Directions: From the records below, set down exactly the lines starting with the line that contains "#69=IFCINDEXEDPOLYGONALFACE((7,19,20,8));" and going on through the line that contains "#89=IFCINDEXEDPOLYGONALFACE((13,15,16,14));". Nothing else is wanted.

● ● ●

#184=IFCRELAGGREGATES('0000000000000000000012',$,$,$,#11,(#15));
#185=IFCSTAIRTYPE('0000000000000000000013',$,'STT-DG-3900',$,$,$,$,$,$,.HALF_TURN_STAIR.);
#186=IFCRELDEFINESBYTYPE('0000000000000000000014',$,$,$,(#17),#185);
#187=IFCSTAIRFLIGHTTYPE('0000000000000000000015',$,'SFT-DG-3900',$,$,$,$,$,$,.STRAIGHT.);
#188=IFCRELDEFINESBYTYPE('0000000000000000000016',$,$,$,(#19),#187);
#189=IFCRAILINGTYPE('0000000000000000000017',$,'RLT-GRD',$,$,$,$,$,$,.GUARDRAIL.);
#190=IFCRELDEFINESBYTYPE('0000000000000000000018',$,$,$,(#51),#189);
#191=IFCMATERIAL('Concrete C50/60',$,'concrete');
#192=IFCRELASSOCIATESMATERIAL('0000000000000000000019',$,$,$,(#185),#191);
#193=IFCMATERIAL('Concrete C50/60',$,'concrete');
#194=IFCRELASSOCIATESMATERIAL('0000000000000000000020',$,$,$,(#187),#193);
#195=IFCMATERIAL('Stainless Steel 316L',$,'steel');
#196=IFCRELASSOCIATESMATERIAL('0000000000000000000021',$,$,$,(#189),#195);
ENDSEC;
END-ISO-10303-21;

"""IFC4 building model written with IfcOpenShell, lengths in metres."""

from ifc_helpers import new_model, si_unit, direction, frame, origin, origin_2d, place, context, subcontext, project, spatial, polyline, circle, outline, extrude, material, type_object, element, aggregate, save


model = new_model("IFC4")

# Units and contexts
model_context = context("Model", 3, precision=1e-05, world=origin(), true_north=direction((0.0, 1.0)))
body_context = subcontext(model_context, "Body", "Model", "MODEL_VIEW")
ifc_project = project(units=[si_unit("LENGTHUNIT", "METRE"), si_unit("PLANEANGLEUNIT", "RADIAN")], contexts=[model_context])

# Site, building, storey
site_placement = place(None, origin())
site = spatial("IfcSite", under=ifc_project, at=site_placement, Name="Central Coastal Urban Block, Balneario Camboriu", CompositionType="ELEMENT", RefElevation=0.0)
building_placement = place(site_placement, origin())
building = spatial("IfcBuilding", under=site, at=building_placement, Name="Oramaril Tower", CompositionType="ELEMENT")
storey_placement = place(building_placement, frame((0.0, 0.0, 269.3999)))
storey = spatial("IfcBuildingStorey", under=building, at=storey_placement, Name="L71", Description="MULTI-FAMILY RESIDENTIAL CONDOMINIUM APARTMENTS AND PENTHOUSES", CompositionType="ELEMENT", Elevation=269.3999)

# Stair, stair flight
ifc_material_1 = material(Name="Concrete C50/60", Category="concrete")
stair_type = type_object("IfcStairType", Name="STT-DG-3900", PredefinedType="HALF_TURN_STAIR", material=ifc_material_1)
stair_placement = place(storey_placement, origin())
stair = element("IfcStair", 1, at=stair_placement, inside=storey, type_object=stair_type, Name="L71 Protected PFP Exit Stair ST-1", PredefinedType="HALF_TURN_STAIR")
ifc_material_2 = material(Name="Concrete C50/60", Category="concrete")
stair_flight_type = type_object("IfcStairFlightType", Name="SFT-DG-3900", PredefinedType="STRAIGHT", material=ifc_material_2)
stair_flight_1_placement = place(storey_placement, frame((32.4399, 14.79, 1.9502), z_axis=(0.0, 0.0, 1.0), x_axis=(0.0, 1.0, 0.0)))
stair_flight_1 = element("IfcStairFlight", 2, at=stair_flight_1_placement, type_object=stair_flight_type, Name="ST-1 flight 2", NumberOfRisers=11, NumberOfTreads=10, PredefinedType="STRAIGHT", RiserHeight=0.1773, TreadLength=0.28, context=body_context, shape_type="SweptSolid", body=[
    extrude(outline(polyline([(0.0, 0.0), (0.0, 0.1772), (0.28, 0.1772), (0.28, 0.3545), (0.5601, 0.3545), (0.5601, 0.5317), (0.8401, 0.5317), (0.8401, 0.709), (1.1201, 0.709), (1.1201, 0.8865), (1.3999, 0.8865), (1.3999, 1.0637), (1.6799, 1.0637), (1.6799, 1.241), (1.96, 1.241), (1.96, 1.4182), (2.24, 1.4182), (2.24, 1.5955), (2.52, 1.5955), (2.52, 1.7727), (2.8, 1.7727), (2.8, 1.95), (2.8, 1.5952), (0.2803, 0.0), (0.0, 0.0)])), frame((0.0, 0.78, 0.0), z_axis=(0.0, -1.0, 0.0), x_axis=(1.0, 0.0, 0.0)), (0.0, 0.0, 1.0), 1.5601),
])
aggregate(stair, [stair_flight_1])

● ● ●

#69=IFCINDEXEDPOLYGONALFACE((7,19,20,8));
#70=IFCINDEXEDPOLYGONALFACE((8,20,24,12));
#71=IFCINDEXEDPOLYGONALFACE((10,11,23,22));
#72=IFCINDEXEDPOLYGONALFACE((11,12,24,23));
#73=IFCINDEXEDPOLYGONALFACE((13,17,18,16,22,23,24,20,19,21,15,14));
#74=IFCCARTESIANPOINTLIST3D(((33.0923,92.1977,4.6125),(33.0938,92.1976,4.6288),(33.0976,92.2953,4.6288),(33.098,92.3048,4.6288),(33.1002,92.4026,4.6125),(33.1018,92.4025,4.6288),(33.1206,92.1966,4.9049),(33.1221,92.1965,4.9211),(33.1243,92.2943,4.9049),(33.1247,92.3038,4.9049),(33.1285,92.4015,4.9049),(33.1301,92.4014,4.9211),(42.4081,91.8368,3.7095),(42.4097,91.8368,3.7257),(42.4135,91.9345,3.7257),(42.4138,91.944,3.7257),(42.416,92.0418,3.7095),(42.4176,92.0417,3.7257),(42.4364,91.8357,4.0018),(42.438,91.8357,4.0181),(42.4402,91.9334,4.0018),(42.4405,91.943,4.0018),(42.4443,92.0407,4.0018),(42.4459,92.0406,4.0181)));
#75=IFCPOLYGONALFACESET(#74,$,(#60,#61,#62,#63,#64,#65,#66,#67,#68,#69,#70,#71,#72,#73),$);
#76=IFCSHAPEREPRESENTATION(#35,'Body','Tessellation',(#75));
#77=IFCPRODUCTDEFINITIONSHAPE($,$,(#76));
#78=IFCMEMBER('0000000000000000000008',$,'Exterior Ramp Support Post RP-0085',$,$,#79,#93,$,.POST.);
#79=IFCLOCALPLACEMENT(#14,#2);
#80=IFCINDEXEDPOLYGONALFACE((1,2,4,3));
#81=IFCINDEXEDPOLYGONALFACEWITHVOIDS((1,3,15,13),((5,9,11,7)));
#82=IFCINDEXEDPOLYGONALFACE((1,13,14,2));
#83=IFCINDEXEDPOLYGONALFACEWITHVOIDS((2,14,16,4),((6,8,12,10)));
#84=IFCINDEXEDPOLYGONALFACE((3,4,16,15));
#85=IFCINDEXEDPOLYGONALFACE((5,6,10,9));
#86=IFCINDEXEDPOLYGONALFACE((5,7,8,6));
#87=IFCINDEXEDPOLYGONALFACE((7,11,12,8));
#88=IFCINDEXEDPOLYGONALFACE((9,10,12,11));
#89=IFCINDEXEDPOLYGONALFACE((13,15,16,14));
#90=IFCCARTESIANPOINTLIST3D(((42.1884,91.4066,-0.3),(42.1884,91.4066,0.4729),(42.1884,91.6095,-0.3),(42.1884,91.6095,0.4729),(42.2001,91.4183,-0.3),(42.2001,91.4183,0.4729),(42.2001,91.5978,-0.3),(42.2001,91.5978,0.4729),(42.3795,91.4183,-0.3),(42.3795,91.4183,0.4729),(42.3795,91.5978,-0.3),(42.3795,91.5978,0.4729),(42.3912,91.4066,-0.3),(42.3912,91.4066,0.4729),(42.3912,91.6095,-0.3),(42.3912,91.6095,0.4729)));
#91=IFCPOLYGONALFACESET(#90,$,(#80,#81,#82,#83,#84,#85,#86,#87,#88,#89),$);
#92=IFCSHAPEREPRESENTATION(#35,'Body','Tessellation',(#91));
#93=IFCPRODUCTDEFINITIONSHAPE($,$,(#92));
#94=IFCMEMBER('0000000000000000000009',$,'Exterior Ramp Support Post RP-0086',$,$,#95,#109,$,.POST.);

● ● ●

Finished task:
#69=IFCINDEXEDPOLYGONALFACE((7,19,20,8));
#70=IFCINDEXEDPOLYGONALFACE((8,20,24,12));
#71=IFCINDEXEDPOLYGONALFACE((10,11,23,22));
#72=IFCINDEXEDPOLYGONALFACE((11,12,24,23));
#73=IFCINDEXEDPOLYGONALFACE((13,17,18,16,22,23,24,20,19,21,15,14));
#74=IFCCARTESIANPOINTLIST3D(((33.0923,92.1977,4.6125),(33.0938,92.1976,4.6288),(33.0976,92.2953,4.6288),(33.098,92.3048,4.6288),(33.1002,92.4026,4.6125),(33.1018,92.4025,4.6288),(33.1206,92.1966,4.9049),(33.1221,92.1965,4.9211),(33.1243,92.2943,4.9049),(33.1247,92.3038,4.9049),(33.1285,92.4015,4.9049),(33.1301,92.4014,4.9211),(42.4081,91.8368,3.7095),(42.4097,91.8368,3.7257),(42.4135,91.9345,3.7257),(42.4138,91.944,3.7257),(42.416,92.0418,3.7095),(42.4176,92.0417,3.7257),(42.4364,91.8357,4.0018),(42.438,91.8357,4.0181),(42.4402,91.9334,4.0018),(42.4405,91.943,4.0018),(42.4443,92.0407,4.0018),(42.4459,92.0406,4.0181)));
#75=IFCPOLYGONALFACESET(#74,$,(#60,#61,#62,#63,#64,#65,#66,#67,#68,#69,#70,#71,#72,#73),$);
#76=IFCSHAPEREPRESENTATION(#35,'Body','Tessellation',(#75));
#77=IFCPRODUCTDEFINITIONSHAPE($,$,(#76));
#78=IFCMEMBER('0000000000000000000008',$,'Exterior Ramp Support Post RP-0085',$,$,#79,#93,$,.POST.);
#79=IFCLOCALPLACEMENT(#14,#2);
#80=IFCINDEXEDPOLYGONALFACE((1,2,4,3));
#81=IFCINDEXEDPOLYGONALFACEWITHVOIDS((1,3,15,13),((5,9,11,7)));
#82=IFCINDEXEDPOLYGONALFACE((1,13,14,2));
#83=IFCINDEXEDPOLYGONALFACEWITHVOIDS((2,14,16,4),((6,8,12,10)));
#84=IFCINDEXEDPOLYGONALFACE((3,4,16,15));
#85=IFCINDEXEDPOLYGONALFACE((5,6,10,9));
#86=IFCINDEXEDPOLYGONALFACE((5,7,8,6));
#87=IFCINDEXEDPOLYGONALFACE((7,11,12,8));
#88=IFCINDEXEDPOLYGONALFACE((9,10,12,11));
#89=IFCINDEXEDPOLYGONALFACE((13,15,16,14));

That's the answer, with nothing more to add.